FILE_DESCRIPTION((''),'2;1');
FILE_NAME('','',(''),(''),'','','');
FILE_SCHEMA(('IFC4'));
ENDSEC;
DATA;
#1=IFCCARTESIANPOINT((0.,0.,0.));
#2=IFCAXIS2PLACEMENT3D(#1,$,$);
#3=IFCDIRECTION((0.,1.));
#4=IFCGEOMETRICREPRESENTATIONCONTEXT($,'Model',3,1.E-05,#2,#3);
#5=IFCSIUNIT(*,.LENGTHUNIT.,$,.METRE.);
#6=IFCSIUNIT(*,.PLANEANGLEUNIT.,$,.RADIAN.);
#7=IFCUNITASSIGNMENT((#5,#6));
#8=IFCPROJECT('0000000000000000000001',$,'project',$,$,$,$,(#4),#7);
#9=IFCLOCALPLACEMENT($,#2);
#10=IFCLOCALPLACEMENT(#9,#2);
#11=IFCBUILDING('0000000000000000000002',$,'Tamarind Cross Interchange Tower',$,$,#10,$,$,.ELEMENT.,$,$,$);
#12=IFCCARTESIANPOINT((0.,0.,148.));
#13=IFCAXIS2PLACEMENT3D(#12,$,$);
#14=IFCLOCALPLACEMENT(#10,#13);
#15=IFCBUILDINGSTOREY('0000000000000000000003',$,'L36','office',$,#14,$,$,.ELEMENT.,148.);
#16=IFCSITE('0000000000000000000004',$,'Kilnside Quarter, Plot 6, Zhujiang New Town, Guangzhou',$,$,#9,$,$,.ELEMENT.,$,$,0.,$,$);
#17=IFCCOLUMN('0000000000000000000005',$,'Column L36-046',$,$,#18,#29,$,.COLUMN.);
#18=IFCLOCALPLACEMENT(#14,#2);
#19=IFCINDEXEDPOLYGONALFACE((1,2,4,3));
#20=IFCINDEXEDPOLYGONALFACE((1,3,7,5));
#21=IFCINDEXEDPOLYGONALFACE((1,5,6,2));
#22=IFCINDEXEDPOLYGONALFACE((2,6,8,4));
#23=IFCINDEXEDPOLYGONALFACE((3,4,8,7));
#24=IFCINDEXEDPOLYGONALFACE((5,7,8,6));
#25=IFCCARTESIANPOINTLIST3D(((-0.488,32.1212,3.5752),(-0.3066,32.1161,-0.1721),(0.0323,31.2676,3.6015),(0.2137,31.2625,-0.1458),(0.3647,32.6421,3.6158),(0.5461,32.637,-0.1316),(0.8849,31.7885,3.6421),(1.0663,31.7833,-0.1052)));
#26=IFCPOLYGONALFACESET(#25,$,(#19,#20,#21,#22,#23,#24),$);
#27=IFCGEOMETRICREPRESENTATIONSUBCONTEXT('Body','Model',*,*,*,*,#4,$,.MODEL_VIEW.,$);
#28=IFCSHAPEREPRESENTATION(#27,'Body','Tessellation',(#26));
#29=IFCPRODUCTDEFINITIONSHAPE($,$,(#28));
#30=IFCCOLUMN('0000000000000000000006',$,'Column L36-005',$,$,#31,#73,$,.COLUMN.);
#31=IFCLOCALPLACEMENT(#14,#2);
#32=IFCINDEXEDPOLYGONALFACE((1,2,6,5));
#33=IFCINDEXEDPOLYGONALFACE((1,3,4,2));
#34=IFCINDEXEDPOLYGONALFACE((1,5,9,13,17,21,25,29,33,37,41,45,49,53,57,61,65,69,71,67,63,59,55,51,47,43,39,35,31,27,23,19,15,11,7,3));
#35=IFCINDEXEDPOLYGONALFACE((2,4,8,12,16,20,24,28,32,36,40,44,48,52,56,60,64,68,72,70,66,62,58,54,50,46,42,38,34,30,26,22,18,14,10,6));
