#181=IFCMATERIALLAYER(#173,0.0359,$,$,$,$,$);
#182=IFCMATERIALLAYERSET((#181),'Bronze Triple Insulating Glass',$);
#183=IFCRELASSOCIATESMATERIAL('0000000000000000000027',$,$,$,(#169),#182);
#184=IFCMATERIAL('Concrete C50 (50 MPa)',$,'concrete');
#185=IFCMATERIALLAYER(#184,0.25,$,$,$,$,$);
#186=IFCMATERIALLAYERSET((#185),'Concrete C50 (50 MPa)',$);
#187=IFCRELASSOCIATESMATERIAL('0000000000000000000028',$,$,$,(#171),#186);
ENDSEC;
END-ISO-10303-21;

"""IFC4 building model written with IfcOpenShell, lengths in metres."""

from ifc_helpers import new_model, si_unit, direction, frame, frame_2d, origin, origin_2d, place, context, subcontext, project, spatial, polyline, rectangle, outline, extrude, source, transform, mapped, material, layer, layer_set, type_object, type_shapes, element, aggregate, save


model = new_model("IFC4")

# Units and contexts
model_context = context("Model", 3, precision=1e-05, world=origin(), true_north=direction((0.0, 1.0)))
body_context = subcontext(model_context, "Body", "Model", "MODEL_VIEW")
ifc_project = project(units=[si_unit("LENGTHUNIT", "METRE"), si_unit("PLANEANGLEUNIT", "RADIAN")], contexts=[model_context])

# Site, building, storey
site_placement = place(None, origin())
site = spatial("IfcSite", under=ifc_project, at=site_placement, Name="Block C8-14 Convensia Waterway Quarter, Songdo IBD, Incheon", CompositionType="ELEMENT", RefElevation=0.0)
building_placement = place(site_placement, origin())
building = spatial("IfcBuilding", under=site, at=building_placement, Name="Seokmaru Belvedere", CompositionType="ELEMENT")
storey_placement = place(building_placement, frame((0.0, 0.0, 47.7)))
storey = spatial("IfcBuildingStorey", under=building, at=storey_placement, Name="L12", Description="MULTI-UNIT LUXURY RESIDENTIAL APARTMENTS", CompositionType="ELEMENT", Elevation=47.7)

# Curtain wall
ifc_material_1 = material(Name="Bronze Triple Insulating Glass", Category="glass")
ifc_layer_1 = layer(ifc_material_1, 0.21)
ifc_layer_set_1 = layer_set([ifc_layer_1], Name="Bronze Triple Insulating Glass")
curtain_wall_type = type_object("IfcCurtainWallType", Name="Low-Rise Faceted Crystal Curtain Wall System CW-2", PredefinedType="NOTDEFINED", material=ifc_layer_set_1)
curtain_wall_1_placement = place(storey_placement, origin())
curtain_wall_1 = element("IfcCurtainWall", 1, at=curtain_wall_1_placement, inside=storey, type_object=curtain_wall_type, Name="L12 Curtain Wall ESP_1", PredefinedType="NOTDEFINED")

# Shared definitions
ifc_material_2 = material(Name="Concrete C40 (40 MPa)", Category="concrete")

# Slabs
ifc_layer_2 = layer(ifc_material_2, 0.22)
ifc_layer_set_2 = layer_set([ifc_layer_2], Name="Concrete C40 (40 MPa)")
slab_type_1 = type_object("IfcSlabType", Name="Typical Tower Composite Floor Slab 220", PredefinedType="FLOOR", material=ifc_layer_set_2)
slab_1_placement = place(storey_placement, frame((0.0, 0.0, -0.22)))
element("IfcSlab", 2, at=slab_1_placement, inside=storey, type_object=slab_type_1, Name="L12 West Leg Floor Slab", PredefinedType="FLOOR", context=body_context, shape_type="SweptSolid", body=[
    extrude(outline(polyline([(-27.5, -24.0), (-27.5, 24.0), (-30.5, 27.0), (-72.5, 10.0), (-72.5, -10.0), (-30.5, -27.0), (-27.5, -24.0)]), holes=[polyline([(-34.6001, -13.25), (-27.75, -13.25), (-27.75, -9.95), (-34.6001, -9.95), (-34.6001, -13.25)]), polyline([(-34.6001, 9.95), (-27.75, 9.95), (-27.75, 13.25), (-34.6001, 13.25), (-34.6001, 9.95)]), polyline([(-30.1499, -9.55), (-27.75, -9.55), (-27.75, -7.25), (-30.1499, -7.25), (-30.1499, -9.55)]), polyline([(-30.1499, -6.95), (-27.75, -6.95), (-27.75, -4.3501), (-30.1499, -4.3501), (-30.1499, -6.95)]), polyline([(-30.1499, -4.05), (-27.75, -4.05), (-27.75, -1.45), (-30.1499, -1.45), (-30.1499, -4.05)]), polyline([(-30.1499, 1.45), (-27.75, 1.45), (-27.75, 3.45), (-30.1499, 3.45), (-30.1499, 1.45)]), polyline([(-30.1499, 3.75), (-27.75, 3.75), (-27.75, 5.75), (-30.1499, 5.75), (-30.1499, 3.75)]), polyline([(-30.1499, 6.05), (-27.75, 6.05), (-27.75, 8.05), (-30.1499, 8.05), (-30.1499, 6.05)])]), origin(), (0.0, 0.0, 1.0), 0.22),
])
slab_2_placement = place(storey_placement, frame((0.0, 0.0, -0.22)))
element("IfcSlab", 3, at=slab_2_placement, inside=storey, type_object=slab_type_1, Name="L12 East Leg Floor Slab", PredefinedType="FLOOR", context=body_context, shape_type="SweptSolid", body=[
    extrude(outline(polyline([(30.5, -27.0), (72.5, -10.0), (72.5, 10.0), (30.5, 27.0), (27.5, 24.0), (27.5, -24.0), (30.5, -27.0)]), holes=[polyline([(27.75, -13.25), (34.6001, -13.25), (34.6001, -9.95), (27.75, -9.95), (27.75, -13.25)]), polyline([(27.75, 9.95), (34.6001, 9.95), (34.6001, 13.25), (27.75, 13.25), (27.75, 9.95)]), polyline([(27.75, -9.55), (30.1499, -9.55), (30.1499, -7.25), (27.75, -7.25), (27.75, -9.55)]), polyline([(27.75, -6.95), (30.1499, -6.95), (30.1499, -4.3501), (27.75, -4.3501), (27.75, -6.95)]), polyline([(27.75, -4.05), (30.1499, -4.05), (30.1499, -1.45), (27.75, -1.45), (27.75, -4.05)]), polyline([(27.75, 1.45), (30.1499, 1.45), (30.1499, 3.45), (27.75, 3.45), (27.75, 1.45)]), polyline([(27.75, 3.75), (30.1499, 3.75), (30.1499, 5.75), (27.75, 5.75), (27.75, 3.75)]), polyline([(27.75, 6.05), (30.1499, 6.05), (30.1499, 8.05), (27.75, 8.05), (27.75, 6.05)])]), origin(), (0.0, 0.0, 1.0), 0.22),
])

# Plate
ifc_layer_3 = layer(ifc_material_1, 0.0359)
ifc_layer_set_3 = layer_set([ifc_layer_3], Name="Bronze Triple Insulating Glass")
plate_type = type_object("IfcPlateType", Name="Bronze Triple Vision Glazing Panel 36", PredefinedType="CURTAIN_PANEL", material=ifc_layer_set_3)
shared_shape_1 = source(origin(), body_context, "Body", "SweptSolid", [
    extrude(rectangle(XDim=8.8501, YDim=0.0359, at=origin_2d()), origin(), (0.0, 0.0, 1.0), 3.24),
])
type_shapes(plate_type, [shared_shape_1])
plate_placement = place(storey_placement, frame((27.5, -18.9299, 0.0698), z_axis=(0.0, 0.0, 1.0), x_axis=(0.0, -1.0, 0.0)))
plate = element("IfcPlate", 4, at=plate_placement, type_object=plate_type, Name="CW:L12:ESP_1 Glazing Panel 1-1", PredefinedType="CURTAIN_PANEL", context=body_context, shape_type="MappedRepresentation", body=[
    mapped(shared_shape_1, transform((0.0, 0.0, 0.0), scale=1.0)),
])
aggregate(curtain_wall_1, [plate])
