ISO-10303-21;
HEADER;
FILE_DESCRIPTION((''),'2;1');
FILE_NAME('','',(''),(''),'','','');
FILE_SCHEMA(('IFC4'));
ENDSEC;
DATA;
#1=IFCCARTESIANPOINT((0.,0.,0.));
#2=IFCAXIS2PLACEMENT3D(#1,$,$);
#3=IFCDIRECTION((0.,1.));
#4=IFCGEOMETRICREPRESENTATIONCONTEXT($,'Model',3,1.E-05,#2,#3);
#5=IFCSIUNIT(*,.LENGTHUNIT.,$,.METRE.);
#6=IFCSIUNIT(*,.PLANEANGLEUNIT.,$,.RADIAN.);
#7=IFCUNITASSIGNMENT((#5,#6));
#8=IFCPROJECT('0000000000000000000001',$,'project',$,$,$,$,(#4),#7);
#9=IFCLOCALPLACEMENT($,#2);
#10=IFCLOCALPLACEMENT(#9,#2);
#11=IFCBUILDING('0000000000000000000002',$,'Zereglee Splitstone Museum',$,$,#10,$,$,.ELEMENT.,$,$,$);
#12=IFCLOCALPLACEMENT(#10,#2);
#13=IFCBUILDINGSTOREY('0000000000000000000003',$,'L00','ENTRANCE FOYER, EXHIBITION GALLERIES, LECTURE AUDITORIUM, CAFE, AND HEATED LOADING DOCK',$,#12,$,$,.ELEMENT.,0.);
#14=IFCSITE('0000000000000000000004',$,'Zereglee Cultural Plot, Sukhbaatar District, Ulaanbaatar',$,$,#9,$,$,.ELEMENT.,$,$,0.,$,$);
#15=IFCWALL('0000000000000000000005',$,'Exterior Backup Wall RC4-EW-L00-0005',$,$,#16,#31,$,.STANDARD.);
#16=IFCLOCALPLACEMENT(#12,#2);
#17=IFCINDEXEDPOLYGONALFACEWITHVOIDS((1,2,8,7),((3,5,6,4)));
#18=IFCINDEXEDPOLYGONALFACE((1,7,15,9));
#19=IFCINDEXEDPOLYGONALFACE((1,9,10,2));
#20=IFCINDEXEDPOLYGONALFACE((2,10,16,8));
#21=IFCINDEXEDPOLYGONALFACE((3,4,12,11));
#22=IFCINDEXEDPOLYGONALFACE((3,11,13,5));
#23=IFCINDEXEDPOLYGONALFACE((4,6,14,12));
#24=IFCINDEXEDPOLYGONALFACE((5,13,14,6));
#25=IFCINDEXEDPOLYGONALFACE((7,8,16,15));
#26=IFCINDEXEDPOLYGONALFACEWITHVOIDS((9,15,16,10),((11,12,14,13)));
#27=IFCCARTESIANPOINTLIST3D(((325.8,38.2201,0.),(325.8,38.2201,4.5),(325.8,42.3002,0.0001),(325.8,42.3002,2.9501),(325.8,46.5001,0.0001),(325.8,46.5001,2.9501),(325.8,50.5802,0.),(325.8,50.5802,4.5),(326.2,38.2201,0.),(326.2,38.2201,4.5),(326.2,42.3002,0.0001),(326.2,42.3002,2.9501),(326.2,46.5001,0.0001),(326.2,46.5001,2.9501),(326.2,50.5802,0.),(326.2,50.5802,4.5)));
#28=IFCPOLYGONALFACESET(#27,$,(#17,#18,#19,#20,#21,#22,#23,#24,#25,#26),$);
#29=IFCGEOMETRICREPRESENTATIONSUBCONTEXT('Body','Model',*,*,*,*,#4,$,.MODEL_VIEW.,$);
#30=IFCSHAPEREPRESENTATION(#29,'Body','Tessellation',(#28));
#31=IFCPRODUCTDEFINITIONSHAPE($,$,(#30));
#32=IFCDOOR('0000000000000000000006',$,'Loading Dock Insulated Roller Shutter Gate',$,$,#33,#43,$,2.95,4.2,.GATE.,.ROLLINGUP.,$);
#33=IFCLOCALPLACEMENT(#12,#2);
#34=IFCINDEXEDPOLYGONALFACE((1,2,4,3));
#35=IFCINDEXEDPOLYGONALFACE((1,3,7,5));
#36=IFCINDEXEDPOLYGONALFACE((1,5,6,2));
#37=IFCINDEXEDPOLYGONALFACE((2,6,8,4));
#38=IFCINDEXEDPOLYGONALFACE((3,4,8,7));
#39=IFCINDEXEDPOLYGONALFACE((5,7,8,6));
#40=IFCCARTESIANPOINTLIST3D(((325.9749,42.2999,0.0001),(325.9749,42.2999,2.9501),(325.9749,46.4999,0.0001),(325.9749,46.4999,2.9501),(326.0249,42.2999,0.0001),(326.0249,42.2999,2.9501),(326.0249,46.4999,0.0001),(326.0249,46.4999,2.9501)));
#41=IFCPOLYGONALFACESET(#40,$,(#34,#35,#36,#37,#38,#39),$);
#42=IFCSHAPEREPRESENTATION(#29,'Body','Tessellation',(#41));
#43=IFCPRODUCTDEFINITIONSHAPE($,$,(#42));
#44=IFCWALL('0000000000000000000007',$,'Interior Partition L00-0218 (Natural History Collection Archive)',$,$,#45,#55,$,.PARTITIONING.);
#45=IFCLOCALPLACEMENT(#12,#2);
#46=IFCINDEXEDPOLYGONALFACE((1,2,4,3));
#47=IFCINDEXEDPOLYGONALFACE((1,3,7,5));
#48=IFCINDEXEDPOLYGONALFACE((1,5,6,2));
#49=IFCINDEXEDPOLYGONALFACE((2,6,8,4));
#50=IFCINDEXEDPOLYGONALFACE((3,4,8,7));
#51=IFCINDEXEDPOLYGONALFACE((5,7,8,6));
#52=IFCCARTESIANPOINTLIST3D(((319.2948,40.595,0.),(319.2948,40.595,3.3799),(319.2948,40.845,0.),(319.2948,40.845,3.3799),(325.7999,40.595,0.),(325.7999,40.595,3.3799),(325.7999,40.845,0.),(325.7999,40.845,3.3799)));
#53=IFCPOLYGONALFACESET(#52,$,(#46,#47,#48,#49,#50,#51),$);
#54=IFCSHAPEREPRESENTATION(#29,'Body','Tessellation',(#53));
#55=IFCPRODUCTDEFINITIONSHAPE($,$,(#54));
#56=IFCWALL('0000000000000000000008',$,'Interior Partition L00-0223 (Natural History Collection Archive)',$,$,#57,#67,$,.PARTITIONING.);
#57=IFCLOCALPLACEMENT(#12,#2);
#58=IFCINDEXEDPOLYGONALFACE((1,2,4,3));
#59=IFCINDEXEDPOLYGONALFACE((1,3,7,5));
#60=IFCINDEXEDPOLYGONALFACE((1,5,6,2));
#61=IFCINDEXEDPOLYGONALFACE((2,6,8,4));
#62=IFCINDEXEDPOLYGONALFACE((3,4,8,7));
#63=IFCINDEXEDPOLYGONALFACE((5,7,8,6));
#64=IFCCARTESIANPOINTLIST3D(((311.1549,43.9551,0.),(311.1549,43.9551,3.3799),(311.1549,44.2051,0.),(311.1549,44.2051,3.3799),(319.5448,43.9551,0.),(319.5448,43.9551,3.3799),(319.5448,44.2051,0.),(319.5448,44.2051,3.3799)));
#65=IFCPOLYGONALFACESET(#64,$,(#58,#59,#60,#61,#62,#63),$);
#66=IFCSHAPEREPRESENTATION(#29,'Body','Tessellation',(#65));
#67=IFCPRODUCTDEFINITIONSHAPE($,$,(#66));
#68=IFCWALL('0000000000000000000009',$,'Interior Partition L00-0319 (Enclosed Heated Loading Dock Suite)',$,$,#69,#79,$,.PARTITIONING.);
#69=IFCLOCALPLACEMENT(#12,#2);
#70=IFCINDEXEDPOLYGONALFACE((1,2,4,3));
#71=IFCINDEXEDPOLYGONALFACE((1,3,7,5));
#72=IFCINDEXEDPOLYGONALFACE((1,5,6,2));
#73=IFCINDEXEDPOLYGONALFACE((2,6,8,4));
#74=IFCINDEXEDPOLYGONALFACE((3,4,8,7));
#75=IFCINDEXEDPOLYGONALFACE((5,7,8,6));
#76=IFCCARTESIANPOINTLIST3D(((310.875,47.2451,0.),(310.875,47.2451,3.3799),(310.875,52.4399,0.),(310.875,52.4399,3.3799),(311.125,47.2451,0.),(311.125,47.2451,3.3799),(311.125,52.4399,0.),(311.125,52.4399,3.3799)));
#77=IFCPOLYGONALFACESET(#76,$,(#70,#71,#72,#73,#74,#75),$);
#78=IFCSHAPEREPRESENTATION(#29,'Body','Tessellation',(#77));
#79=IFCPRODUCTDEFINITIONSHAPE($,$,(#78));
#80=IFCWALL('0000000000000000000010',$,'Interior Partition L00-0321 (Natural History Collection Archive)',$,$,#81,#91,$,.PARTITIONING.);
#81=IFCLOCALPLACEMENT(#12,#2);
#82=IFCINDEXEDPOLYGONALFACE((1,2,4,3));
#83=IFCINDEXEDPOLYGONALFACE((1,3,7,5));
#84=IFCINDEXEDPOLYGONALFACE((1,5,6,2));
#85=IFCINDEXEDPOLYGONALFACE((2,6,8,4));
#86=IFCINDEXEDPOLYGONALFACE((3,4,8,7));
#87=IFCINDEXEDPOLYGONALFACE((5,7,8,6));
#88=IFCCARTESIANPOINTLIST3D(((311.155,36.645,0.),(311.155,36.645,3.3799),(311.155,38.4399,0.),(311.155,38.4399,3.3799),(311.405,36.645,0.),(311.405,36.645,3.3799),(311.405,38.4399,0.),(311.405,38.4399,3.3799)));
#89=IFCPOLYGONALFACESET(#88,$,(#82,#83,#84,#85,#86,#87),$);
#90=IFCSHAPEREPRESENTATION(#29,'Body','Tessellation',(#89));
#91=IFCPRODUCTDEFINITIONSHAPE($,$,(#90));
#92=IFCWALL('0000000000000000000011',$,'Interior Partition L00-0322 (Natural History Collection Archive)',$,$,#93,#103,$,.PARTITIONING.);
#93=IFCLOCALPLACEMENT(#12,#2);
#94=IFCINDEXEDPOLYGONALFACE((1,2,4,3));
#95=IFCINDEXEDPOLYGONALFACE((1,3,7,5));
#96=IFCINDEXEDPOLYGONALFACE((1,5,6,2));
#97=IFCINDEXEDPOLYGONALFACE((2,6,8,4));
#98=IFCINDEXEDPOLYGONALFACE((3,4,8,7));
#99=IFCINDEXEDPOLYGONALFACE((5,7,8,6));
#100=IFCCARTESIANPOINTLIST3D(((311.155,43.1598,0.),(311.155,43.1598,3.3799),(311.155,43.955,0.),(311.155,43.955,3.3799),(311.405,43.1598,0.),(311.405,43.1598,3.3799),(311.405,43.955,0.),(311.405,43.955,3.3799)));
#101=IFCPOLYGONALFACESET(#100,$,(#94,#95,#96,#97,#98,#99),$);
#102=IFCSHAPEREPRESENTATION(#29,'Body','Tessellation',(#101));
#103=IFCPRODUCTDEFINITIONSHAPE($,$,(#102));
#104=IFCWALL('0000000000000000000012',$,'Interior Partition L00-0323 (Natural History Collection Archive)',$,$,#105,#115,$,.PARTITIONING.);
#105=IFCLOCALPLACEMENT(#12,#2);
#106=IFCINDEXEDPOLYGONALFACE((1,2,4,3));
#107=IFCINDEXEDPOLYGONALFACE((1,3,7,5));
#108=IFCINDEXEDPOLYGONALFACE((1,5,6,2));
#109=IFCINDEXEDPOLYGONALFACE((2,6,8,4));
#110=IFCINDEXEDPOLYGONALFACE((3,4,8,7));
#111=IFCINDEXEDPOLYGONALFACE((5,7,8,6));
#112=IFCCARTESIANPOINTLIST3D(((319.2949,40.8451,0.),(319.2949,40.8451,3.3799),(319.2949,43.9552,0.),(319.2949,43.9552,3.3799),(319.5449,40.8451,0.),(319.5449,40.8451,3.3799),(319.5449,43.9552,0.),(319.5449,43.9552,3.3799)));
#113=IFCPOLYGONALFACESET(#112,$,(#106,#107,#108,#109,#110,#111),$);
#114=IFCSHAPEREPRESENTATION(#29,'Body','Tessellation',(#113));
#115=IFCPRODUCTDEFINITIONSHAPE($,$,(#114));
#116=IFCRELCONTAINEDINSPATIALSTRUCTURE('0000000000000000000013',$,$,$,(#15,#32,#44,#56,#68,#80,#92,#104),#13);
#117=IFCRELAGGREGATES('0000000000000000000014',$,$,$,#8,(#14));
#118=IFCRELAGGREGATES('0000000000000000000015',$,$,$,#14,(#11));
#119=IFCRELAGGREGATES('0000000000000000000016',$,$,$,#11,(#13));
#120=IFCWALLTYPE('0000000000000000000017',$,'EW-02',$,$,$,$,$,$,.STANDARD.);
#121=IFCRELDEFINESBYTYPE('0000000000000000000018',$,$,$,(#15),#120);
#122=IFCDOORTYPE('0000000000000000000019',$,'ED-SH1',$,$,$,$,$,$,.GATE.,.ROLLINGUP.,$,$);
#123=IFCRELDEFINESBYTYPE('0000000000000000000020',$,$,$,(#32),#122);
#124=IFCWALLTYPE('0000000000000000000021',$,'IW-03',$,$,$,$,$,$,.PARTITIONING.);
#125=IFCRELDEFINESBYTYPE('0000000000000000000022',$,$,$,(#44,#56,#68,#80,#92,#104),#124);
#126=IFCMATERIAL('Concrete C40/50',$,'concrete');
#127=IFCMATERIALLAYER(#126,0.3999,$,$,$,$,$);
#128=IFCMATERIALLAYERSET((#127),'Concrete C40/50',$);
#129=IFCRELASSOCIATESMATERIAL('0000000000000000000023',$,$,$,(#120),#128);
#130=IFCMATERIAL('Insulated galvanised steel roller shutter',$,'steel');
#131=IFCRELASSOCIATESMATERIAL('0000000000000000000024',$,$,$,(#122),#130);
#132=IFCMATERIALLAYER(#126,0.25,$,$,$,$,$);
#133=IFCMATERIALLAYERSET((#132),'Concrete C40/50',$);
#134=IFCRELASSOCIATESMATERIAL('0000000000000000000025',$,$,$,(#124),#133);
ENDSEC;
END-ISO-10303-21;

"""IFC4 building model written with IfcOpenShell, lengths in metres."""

from ifc_helpers import new_model, si_unit, direction, frame, frame_2d, origin, place, context, subcontext, project, spatial, rectangle, extrude, material, layer, layer_set, type_object, element, fill, save


model = new_model("IFC4")

# Units and contexts
model_context = context("Model", 3, precision=1e-05, world=origin(), true_north=direction((0.0, 1.0)))
body_context = subcontext(model_context, "Body", "Model", "MODEL_VIEW")
ifc_project = project(units=[si_unit("LENGTHUNIT", "METRE"), si_unit("PLANEANGLEUNIT", "RADIAN")], contexts=[model_context])

# Site, building, storey
site_placement = place(None, origin())
site = spatial("IfcSite", under=ifc_project, at=site_placement, Name="Zereglee Cultural Plot, Sukhbaatar District, Ulaanbaatar", CompositionType="ELEMENT", RefElevation=0.0)
building_placement = place(site_placement, origin())
building = spatial("IfcBuilding", under=site, at=building_placement, Name="Zereglee Splitstone Museum", CompositionType="ELEMENT")
storey_placement = place(building_placement, origin())
storey = spatial("IfcBuildingStorey", under=building, at=storey_placement, Name="L00", Description="ENTRANCE FOYER, EXHIBITION GALLERIES, LECTURE AUDITORIUM, CAFE, AND HEATED LOADING DOCK", CompositionType="ELEMENT", Elevation=0.0)

# Shared definitions
ifc_material_1 = material(Name="Concrete C40/50", Category="concrete")

# Wall, opening, door
ifc_layer_1 = layer(ifc_material_1, 0.3999)
ifc_layer_set_1 = layer_set([ifc_layer_1], Name="Concrete C40/50")
wall_type_1 = type_object("IfcWallType", Name="EW-02", PredefinedType="STANDARD", material=ifc_layer_set_1)
wall_1_placement = place(storey_placement, frame((326.0, 38.22, 0.0), z_axis=(0.0, 0.0, 1.0), x_axis=(0.0, 1.0, 0.0)))
wall_1 = element("IfcWall", 1, at=wall_1_placement, inside=storey, type_object=wall_type_1, Name="Exterior Backup Wall RC4-EW-L00-0005", PredefinedType="STANDARD", context=body_context, shape_type="SweptSolid", body=[
    extrude(rectangle(XDim=12.3601, YDim=0.3999, at=frame_2d((6.1802, 0.0))), origin(), (0.0, 0.0, 1.0), 4.5),
])
opening_placement = place(wall_1_placement, frame((4.0801, 0.0, 0.0)))
opening = element("IfcOpeningElement", 2, at=opening_placement, cuts=wall_1, PredefinedType="OPENING", context=body_context, shape_type="SweptSolid", body=[
    extrude(rectangle(XDim=4.2, YDim=2.95, at=frame_2d((2.1001, 1.4751))), frame((0.0, 0.2148, 0.0), z_axis=(0.0, -1.0, 0.0), x_axis=(1.0, 0.0, 0.0)), (0.0, 0.0, 1.0), 0.4297),
])
ifc_material_2 = material(Name="Insulated galvanised steel roller shutter", Category="steel")
door_type = type_object("IfcDoorType", Name="ED-SH1", OperationType="ROLLINGUP", PredefinedType="GATE", material=ifc_material_2)
door_placement = place(opening_placement, frame((4.2, 0.0, 0.0), z_axis=(0.0, 0.0, 1.0), x_axis=(-1.0, 0.0, 0.0)))
door = element("IfcDoor", 3, at=door_placement, inside=storey, type_object=door_type, Name="Loading Dock Insulated Roller Shutter Gate", OperationType="ROLLINGUP", OverallHeight=2.95, OverallWidth=4.2, PredefinedType="GATE", context=body_context, shape_type="SweptSolid", body=[
    extrude(rectangle(XDim=4.2, YDim=2.95, at=frame_2d((2.1001, 1.4751))), frame((0.0, 0.0249, 0.0), z_axis=(0.0, -1.0, 0.0), x_axis=(1.0, 0.0, 0.0)), (0.0, 0.0, 1.0), 0.05),
])
fill(opening, door)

————

_Required action_: Please go through the entries and show every line with the word "IFCRELDEFINESBYTYPE".

_Output for this task_:
#121=IFCRELDEFINESBYTYPE('0000000000000000000018',$,$,$,(#15),#120);
#123=IFCRELDEFINESBYTYPE('0000000000000000000020',$,$,$,(#32),#122);
#125=IFCRELDEFINESBYTYPE('0000000000000000000022',$,$,$,(#44,#56,#68,#80,#92,#104),#124);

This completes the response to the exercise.